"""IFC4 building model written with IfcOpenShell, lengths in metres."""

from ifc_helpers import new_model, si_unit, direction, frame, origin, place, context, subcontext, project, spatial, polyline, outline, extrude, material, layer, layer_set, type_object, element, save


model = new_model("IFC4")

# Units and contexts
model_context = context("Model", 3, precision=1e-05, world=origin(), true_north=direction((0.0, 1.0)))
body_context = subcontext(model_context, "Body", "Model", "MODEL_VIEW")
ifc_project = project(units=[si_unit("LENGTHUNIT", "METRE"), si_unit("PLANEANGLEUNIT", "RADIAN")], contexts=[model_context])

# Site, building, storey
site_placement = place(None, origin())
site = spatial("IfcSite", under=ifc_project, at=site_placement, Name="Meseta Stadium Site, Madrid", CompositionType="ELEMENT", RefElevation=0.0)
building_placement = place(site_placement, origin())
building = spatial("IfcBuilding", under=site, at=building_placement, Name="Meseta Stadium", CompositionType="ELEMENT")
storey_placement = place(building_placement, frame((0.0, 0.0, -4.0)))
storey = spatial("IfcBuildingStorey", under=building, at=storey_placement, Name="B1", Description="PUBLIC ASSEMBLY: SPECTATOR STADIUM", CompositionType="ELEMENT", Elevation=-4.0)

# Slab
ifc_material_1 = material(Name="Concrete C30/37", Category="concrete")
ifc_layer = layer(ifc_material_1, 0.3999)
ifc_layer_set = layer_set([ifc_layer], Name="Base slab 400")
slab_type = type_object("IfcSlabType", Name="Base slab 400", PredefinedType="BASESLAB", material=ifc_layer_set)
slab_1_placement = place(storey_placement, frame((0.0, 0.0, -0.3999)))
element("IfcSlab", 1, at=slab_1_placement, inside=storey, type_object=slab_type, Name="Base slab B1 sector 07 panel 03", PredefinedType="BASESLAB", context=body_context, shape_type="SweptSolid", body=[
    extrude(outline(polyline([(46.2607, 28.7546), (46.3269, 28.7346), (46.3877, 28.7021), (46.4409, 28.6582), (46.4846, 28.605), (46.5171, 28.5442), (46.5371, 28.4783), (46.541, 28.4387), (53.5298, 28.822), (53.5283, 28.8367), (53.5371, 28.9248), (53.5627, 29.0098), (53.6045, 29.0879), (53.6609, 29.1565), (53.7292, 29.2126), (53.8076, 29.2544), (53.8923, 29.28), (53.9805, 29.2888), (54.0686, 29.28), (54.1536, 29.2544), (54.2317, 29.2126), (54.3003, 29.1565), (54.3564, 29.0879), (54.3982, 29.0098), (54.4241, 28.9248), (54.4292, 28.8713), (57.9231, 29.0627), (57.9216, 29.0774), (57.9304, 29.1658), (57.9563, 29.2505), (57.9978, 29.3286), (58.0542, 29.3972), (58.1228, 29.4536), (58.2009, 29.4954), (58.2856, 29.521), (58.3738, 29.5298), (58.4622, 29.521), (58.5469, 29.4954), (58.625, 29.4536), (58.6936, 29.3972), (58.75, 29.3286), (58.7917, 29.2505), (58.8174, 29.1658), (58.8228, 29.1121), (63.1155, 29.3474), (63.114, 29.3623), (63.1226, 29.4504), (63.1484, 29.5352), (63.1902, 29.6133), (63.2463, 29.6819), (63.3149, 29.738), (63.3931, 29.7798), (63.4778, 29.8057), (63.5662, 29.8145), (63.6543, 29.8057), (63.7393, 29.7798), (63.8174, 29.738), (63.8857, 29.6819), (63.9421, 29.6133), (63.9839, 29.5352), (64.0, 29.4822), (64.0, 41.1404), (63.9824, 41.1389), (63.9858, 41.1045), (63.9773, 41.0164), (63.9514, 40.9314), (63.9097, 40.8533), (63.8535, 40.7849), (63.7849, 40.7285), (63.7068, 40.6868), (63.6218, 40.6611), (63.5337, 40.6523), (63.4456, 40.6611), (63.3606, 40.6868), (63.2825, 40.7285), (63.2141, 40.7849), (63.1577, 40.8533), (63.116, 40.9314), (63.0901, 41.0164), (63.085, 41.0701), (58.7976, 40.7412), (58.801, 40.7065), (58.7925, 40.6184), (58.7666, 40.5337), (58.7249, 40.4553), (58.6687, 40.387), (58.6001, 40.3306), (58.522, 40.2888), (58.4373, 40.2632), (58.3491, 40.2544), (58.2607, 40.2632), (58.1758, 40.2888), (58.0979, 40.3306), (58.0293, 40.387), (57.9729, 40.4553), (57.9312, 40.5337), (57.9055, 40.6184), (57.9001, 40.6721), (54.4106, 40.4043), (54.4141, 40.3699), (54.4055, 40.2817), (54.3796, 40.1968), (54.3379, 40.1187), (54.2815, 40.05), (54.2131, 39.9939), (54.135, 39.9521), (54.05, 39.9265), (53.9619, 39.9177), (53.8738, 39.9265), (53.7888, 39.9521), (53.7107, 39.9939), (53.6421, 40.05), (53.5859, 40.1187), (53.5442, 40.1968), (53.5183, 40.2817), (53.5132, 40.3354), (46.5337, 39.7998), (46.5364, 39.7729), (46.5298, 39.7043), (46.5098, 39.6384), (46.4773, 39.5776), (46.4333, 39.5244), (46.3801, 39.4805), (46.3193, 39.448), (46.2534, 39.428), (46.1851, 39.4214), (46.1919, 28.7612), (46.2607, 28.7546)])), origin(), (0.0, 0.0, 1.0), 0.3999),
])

__________

▶ [TASK DESCRIPTION]:
Every entry above should be written out again, precisely.

▶ [SOLUTION]:
"""IFC4 building model written with IfcOpenShell, lengths in metres."""

from ifc_helpers import new_model, si_unit, direction, frame, origin, place, context, subcontext, project, spatial, polyline, outline, extrude, material, layer, layer_set, type_object, element, save


model = new_model("IFC4")

# Units and contexts
model_context = context("Model", 3, precision=1e-05, world=origin(), true_north=direction((0.0, 1.0)))
body_context = subcontext(model_context, "Body", "Model", "MODEL_VIEW")
ifc_project = project(units=[si_unit("LENGTHUNIT", "METRE"), si_unit("PLANEANGLEUNIT", "RADIAN")], contexts=[model_context])

# Site, building, storey
site_placement = place(None, origin())
site = spatial("IfcSite", under=ifc_project, at=site_placement, Name="Meseta Stadium Site, Madrid", CompositionType="ELEMENT", RefElevation=0.0)
building_placement = place(site_placement, origin())
building = spatial("IfcBuilding", under=site, at=building_placement, Name="Meseta Stadium", CompositionType="ELEMENT")
storey_placement = place(building_placement, frame((0.0, 0.0, -4.0)))
storey = spatial("IfcBuildingStorey", under=building, at=storey_placement, Name="B1", Description="PUBLIC ASSEMBLY: SPECTATOR STADIUM", CompositionType="ELEMENT", Elevation=-4.0)

# Slab
ifc_material_1 = material(Name="Concrete C30/37", Category="concrete")
ifc_layer = layer(ifc_material_1, 0.3999)
ifc_layer_set = layer_set([ifc_layer], Name="Base slab 400")
slab_type = type_object("IfcSlabType", Name="Base slab 400", PredefinedType="BASESLAB", material=ifc_layer_set)
slab_1_placement = place(storey_placement, frame((0.0, 0.0, -0.3999)))
element("IfcSlab", 1, at=slab_1_placement, inside=storey, type_object=slab_type, Name="Base slab B1 sector 07 panel 03", PredefinedType="BASESLAB", context=body_context, shape_type="SweptSolid", body=[
    extrude(outline(polyline([(46.2607, 28.7546), (46.3269, 28.7346), (46.3877, 28.7021), (46.4409, 28.6582), (46.4846, 28.605), (46.5171, 28.5442), (46.5371, 28.4783), (46.541, 28.4387), (53.5298, 28.822), (53.5283, 28.8367), (53.5371, 28.9248), (53.5627, 29.0098), (53.6045, 29.0879), (53.6609, 29.1565), (53.7292, 29.2126), (53.8076, 29.2544), (53.8923, 29.28), (53.9805, 29.2888), (54.0686, 29.28), (54.1536, 29.2544), (54.2317, 29.2126), (54.3003, 29.1565), (54.3564, 29.0879), (54.3982, 29.0098), (54.4241, 28.9248), (54.4292, 28.8713), (57.9231, 29.0627), (57.9216, 29.0774), (57.9304, 29.1658), (57.9563, 29.2505), (57.9978, 29.3286), (58.0542, 29.3972), (58.1228, 29.4536), (58.2009, 29.4954), (58.2856, 29.521), (58.3738, 29.5298), (58.4622, 29.521), (58.5469, 29.4954), (58.625, 29.4536), (58.6936, 29.3972), (58.75, 29.3286), (58.7917, 29.2505), (58.8174, 29.1658), (58.8228, 29.1121), (63.1155, 29.3474), (63.114, 29.3623), (63.1226, 29.4504), (63.1484, 29.5352), (63.1902, 29.6133), (63.2463, 29.6819), (63.3149, 29.738), (63.3931, 29.7798), (63.4778, 29.8057), (63.5662, 29.8145), (63.6543, 29.8057), (63.7393, 29.7798), (63.8174, 29.738), (63.8857, 29.6819), (63.9421, 29.6133), (63.9839, 29.5352), (64.0, 29.4822), (64.0, 41.1404), (63.9824, 41.1389), (63.9858, 41.1045), (63.9773, 41.0164), (63.9514, 40.9314), (63.9097, 40.8533), (63.8535, 40.7849), (63.7849, 40.7285), (63.7068, 40.6868), (63.6218, 40.6611), (63.5337, 40.6523), (63.4456, 40.6611), (63.3606, 40.6868), (63.2825, 40.7285), (63.2141, 40.7849), (63.1577, 40.8533), (63.116, 40.9314), (63.0901, 41.0164), (63.085, 41.0701), (58.7976, 40.7412), (58.801, 40.7065), (58.7925, 40.6184), (58.7666, 40.5337), (58.7249, 40.4553), (58.6687, 40.387), (58.6001, 40.3306), (58.522, 40.2888), (58.4373, 40.2632), (58.3491, 40.2544), (58.2607, 40.2632), (58.1758, 40.2888), (58.0979, 40.3306), (58.0293, 40.387), (57.9729, 40.4553), (57.9312, 40.5337), (57.9055, 40.6184), (57.9001, 40.6721), (54.4106, 40.4043), (54.4141, 40.3699), (54.4055, 40.2817), (54.3796, 40.1968), (54.3379, 40.1187), (54.2815, 40.05), (54.2131, 39.9939), (54.135, 39.9521), (54.05, 39.9265), (53.9619, 39.9177), (53.8738, 39.9265), (53.7888, 39.9521), (53.7107, 39.9939), (53.6421, 40.05), (53.5859, 40.1187), (53.5442, 40.1968), (53.5183, 40.2817), (53.5132, 40.3354), (46.5337, 39.7998), (46.5364, 39.7729), (46.5298, 39.7043), (46.5098, 39.6384), (46.4773, 39.5776), (46.4333, 39.5244), (46.3801, 39.4805), (46.3193, 39.448), (46.2534, 39.428), (46.1851, 39.4214), (46.1919, 28.7612), (46.2607, 28.7546)])), origin(), (0.0, 0.0, 1.0), 0.3999),
])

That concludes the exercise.